> Instructions for the task
From the listing below, work out how many lines contain "Block"; the answer is that number and nothing more.

** Records supplied follows **

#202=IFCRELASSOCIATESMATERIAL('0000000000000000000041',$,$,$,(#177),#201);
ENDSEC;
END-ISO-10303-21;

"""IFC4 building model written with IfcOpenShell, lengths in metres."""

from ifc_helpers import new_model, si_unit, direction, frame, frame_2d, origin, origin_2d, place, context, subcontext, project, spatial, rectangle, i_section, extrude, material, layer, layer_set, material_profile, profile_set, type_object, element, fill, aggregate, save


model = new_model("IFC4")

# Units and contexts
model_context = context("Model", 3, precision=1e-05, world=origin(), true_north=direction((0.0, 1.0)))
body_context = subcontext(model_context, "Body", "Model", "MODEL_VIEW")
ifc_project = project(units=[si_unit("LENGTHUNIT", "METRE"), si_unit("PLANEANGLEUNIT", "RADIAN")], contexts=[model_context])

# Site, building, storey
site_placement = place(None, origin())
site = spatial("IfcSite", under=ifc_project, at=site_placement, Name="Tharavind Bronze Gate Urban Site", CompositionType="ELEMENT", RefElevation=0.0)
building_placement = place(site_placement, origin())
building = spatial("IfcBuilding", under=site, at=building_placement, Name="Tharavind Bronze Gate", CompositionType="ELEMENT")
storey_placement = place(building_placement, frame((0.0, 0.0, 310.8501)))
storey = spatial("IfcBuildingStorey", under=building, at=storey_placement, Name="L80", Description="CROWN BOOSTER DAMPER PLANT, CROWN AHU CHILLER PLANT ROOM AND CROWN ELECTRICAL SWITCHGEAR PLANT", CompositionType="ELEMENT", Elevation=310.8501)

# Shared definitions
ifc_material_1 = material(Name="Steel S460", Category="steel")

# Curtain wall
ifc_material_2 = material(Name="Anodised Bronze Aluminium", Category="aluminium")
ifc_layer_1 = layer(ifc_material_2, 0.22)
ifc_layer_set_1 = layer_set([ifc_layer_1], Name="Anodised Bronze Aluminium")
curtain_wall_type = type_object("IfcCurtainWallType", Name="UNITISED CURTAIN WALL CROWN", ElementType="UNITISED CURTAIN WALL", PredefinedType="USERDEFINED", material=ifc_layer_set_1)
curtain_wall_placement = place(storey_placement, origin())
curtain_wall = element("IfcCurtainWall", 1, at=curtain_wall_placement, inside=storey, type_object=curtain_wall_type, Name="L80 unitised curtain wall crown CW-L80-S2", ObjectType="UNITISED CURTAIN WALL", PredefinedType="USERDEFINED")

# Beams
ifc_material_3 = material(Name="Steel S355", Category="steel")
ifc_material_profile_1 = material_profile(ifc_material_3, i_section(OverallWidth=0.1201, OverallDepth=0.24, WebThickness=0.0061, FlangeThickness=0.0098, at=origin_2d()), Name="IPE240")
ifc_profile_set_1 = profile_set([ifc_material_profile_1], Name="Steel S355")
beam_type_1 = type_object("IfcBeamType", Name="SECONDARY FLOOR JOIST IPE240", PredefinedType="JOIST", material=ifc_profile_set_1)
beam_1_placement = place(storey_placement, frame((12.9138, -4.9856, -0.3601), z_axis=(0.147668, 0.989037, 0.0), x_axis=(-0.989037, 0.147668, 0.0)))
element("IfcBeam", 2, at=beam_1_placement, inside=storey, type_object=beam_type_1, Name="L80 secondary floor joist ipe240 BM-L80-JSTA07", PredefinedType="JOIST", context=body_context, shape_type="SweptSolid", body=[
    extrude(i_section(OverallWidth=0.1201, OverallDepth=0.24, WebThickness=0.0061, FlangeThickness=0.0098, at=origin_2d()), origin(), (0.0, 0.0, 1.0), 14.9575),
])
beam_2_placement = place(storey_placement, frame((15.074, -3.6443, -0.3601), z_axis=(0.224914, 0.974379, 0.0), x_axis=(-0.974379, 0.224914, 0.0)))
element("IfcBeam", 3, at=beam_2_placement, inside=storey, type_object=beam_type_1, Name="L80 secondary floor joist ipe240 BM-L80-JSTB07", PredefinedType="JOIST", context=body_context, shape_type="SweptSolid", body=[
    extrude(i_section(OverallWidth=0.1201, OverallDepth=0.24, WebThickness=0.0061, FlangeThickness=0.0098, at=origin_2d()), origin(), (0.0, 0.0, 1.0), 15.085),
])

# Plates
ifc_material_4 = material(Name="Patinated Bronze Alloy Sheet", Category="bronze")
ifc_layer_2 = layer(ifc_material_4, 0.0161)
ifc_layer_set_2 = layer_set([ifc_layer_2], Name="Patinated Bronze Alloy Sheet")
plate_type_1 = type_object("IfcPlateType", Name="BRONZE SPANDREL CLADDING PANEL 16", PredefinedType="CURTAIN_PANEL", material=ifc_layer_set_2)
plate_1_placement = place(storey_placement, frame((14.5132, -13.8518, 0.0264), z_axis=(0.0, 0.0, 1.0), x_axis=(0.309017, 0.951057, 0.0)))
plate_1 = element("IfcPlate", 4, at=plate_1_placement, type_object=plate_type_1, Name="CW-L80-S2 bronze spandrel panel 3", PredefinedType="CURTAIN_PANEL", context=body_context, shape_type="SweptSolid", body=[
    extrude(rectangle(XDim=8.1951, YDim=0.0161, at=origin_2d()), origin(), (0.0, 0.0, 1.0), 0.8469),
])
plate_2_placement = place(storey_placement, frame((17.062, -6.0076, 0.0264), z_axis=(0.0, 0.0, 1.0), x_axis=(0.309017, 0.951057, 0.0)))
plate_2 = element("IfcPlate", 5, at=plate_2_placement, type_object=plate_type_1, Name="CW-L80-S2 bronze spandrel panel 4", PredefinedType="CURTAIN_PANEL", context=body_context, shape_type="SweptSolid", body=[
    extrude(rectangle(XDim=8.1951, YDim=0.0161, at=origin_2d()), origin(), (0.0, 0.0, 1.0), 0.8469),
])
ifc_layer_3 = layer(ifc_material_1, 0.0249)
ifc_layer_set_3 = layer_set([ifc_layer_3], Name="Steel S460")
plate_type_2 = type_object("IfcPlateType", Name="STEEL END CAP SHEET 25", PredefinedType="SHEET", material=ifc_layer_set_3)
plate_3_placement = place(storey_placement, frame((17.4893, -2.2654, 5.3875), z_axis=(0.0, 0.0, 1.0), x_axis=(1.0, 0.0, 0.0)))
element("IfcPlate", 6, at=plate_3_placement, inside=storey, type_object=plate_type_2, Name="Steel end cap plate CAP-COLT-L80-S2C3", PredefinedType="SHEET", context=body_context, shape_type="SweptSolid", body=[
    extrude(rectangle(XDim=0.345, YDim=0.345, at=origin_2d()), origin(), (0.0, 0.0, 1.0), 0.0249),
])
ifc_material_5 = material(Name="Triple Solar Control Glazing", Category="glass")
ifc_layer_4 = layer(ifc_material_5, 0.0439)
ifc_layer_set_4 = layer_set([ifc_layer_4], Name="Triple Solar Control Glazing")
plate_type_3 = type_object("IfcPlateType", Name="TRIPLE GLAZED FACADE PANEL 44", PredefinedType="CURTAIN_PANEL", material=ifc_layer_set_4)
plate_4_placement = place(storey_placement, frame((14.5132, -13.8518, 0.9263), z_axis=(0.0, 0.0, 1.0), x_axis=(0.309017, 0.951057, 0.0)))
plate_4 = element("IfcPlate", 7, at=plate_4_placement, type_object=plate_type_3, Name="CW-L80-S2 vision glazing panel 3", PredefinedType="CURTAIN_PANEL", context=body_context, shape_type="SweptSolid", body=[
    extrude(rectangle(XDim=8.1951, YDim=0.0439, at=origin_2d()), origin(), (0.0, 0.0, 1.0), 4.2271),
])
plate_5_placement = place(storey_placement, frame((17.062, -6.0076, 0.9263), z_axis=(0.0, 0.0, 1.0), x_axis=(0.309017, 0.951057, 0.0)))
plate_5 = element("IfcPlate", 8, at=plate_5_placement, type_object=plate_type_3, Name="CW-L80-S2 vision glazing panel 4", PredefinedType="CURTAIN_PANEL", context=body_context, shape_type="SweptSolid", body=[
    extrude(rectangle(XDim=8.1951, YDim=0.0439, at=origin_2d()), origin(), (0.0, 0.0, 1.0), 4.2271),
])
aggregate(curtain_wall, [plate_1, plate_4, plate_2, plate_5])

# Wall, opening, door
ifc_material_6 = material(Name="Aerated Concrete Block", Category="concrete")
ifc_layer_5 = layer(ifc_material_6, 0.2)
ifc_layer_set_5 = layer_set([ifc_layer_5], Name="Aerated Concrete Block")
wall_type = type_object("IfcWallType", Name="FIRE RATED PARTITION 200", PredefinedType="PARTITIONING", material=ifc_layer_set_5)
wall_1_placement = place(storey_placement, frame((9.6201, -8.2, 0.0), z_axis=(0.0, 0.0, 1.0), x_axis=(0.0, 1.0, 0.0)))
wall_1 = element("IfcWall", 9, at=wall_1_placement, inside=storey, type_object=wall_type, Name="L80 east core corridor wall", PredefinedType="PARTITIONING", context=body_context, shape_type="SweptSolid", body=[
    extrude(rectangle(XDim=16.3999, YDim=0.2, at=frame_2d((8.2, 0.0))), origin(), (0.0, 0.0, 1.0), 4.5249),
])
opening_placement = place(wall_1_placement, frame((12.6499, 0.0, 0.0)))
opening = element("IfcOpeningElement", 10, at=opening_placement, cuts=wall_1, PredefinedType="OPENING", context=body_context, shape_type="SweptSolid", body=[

** End of Records supplied **

> Response to this task
2